Collected data
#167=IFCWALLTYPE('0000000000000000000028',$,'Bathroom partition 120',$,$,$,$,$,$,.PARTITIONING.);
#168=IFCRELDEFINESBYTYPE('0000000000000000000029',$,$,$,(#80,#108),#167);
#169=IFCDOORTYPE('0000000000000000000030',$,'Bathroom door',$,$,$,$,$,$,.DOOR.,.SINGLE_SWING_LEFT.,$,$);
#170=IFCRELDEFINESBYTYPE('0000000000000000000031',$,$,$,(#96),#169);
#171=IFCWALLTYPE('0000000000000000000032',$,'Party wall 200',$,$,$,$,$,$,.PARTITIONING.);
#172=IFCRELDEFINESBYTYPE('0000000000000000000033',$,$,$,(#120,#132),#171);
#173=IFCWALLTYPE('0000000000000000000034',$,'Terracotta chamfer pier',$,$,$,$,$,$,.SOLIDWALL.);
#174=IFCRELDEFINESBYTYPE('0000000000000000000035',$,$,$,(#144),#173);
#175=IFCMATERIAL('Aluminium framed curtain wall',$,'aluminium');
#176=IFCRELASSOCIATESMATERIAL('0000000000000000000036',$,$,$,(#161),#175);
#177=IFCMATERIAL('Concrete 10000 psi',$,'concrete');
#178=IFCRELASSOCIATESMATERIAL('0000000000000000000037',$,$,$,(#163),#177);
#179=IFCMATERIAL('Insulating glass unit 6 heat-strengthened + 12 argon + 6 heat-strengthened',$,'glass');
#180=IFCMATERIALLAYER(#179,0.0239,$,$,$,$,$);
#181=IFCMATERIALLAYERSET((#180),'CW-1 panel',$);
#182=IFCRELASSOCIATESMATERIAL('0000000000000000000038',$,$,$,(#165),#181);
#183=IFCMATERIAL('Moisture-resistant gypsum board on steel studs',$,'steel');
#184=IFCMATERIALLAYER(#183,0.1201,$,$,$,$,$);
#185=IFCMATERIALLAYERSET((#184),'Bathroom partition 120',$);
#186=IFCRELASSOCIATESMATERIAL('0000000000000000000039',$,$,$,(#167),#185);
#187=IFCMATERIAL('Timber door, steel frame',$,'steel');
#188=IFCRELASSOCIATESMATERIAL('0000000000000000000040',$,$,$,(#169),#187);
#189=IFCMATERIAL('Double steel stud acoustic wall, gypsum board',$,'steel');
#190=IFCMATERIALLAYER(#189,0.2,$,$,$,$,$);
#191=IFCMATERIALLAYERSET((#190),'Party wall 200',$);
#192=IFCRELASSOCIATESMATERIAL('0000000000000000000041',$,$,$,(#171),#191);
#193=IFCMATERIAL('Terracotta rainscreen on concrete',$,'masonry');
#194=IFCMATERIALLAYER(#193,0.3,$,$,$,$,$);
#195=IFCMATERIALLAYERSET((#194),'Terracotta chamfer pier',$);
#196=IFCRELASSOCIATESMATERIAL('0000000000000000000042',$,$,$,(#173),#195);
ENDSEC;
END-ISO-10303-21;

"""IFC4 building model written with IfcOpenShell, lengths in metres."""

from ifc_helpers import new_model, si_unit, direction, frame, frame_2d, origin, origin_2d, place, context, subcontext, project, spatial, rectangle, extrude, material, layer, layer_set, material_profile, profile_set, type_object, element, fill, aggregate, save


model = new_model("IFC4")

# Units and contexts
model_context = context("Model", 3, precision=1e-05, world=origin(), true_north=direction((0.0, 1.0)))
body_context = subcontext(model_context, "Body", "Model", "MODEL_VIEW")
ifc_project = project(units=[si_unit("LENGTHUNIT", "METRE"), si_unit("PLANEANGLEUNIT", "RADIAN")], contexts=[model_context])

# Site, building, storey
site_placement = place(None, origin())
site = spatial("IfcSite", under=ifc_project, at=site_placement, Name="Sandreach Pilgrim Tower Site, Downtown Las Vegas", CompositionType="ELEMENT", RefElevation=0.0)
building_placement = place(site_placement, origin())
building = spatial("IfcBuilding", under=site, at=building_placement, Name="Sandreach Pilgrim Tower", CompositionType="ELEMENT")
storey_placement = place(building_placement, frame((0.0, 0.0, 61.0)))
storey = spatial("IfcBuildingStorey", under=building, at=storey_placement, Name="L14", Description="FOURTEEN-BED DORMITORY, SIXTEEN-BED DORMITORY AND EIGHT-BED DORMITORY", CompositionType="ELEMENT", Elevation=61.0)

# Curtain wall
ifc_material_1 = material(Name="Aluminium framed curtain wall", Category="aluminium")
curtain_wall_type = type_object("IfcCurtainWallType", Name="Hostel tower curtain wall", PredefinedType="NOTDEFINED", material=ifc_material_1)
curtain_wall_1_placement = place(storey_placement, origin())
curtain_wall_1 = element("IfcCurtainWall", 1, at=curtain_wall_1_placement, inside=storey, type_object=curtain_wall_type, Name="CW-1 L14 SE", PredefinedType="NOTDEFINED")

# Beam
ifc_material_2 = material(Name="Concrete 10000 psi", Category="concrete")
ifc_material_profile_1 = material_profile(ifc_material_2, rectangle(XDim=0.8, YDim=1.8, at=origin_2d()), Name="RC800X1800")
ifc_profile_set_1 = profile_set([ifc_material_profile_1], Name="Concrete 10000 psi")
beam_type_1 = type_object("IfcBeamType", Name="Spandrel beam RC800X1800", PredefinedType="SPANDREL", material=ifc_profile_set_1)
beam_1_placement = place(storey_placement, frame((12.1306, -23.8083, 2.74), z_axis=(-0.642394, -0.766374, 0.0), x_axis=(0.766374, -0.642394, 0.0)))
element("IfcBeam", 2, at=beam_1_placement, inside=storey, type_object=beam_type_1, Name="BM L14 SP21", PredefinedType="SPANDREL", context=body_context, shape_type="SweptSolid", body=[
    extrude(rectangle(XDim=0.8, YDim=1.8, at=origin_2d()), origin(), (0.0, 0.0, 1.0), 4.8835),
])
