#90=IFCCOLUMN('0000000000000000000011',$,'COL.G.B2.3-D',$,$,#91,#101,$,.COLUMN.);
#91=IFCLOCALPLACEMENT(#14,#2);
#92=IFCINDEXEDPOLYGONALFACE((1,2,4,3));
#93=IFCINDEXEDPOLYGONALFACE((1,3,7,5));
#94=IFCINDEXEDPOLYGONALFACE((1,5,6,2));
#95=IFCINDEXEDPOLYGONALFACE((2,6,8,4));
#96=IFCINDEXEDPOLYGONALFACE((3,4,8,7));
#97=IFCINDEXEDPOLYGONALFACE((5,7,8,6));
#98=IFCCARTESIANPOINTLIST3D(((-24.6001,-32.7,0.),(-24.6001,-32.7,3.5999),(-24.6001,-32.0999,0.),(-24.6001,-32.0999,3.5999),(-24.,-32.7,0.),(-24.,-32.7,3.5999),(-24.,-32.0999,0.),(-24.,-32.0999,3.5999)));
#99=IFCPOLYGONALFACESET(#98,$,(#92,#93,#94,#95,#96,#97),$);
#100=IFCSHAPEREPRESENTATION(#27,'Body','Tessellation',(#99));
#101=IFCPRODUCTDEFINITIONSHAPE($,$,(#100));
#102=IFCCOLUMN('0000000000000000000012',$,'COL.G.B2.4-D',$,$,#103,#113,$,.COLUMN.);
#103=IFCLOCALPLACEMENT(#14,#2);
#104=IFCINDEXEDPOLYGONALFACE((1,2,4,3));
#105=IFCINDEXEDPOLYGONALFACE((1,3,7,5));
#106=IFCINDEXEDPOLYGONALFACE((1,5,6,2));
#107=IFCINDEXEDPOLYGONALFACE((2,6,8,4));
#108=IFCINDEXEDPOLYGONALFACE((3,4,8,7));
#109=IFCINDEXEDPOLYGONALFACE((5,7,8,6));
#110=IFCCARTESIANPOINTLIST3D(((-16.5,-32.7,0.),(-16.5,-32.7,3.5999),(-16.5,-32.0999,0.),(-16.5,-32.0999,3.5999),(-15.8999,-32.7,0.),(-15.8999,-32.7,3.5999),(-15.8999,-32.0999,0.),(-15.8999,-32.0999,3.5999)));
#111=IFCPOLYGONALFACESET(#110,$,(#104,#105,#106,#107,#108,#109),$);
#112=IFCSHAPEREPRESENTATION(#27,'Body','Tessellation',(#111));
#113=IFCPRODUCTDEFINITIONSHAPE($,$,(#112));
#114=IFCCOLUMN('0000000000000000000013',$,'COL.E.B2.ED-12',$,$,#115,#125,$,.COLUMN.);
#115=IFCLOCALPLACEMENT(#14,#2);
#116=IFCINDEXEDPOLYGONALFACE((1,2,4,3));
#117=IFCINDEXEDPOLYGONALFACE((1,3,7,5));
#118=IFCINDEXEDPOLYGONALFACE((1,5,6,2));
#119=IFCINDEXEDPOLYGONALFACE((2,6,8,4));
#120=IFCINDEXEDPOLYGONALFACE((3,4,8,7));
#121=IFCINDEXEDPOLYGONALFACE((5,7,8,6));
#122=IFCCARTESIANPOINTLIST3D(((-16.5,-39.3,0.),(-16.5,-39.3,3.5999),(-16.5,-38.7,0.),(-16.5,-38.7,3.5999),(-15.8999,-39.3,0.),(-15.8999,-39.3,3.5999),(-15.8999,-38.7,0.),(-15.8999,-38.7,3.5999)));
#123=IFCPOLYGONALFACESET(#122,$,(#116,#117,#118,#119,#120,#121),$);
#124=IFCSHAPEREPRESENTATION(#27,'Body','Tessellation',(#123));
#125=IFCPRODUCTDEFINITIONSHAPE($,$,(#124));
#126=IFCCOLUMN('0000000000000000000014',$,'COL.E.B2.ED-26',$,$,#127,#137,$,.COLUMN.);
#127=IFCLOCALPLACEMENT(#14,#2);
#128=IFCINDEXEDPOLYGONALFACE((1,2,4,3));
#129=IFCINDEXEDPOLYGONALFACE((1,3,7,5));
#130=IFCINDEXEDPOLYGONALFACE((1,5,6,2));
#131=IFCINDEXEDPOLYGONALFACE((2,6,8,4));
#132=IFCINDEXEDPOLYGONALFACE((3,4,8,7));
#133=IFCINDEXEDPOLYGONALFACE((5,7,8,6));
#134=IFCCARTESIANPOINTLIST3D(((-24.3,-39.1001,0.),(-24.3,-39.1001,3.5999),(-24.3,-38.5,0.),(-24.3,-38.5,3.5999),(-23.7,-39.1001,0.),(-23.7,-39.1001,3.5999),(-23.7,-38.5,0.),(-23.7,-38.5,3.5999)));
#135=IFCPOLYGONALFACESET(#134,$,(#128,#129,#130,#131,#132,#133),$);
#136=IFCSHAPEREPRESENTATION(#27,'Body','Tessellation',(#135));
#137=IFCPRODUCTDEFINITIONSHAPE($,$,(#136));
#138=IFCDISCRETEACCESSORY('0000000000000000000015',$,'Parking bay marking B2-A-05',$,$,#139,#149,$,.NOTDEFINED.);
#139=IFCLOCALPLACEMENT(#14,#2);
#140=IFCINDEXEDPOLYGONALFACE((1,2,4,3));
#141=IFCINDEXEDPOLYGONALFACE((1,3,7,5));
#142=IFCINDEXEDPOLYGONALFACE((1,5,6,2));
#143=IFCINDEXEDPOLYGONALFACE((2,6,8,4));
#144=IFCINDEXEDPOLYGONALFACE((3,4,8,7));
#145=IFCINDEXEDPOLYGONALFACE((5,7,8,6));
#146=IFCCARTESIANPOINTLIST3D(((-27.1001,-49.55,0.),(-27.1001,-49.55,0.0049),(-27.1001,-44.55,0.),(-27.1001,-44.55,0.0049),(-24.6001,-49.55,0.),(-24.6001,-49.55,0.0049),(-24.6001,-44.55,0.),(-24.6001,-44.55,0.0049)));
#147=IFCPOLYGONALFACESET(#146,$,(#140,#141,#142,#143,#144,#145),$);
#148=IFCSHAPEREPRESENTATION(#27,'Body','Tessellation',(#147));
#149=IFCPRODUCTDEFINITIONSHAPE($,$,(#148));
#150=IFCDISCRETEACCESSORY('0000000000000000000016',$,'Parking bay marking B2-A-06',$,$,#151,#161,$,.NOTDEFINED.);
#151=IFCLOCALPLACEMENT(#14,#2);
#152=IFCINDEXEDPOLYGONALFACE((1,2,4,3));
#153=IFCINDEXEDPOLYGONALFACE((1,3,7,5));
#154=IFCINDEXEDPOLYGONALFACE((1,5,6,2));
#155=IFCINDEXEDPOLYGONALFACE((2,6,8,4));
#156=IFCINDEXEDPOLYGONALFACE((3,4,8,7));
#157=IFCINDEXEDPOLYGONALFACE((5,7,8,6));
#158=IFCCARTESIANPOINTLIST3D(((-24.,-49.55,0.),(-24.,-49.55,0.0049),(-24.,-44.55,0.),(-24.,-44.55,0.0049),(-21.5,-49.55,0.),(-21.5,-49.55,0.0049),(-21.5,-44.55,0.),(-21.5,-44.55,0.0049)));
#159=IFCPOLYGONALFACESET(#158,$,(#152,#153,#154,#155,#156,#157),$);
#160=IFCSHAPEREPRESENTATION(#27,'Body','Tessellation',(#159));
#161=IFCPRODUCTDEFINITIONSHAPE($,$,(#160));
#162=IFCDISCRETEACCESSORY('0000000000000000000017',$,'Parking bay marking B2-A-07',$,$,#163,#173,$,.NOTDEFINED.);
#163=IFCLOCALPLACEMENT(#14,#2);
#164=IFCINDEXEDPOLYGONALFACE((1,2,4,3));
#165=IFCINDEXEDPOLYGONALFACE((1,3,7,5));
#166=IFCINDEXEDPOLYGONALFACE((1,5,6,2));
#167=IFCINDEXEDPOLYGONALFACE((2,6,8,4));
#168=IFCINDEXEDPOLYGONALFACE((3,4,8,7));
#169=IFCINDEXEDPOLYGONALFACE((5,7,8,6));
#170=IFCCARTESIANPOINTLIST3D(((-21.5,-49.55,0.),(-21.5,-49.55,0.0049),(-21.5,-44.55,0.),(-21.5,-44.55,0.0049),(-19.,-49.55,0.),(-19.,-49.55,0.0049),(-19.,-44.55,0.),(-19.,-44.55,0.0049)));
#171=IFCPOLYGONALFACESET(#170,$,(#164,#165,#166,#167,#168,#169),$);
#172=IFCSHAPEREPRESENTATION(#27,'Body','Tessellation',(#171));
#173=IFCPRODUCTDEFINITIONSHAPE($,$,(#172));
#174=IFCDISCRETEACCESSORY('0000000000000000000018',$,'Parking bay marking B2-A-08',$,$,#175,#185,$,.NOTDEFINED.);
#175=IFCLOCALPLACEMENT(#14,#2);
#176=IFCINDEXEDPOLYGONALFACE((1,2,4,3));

Problem requirements — Give back, exactly as written, the stretch from the line with "#115=IFCLOCALPLACEMENT(#14,#2);" through the line with "#137=IFCPRODUCTDEFINITIONSHAPE($,$,(#136));", and no other lines from the records above.

Reply —
#115=IFCLOCALPLACEMENT(#14,#2);
#116=IFCINDEXEDPOLYGONALFACE((1,2,4,3));
#117=IFCINDEXEDPOLYGONALFACE((1,3,7,5));
#118=IFCINDEXEDPOLYGONALFACE((1,5,6,2));
#119=IFCINDEXEDPOLYGONALFACE((2,6,8,4));
#120=IFCINDEXEDPOLYGONALFACE((3,4,8,7));
#121=IFCINDEXEDPOLYGONALFACE((5,7,8,6));
#122=IFCCARTESIANPOINTLIST3D(((-16.5,-39.3,0.),(-16.5,-39.3,3.5999),(-16.5,-38.7,0.),(-16.5,-38.7,3.5999),(-15.8999,-39.3,0.),(-15.8999,-39.3,3.5999),(-15.8999,-38.7,0.),(-15.8999,-38.7,3.5999)));
#123=IFCPOLYGONALFACESET(#122,$,(#116,#117,#118,#119,#120,#121),$);
#124=IFCSHAPEREPRESENTATION(#27,'Body','Tessellation',(#123));
#125=IFCPRODUCTDEFINITIONSHAPE($,$,(#124));
#126=IFCCOLUMN('0000000000000000000014',$,'COL.E.B2.ED-26',$,$,#127,#137,$,.COLUMN.);
#127=IFCLOCALPLACEMENT(#14,#2);
#128=IFCINDEXEDPOLYGONALFACE((1,2,4,3));
#129=IFCINDEXEDPOLYGONALFACE((1,3,7,5));
#130=IFCINDEXEDPOLYGONALFACE((1,5,6,2));
#131=IFCINDEXEDPOLYGONALFACE((2,6,8,4));
#132=IFCINDEXEDPOLYGONALFACE((3,4,8,7));
#133=IFCINDEXEDPOLYGONALFACE((5,7,8,6));
#134=IFCCARTESIANPOINTLIST3D(((-24.3,-39.1001,0.),(-24.3,-39.1001,3.5999),(-24.3,-38.5,0.),(-24.3,-38.5,3.5999),(-23.7,-39.1001,0.),(-23.7,-39.1001,3.5999),(-23.7,-38.5,0.),(-23.7,-38.5,3.5999)));
#135=IFCPOLYGONALFACESET(#134,$,(#128,#129,#130,#131,#132,#133),$);
#136=IFCSHAPEREPRESENTATION(#27,'Body','Tessellation',(#135));
#137=IFCPRODUCTDEFINITIONSHAPE($,$,(#136));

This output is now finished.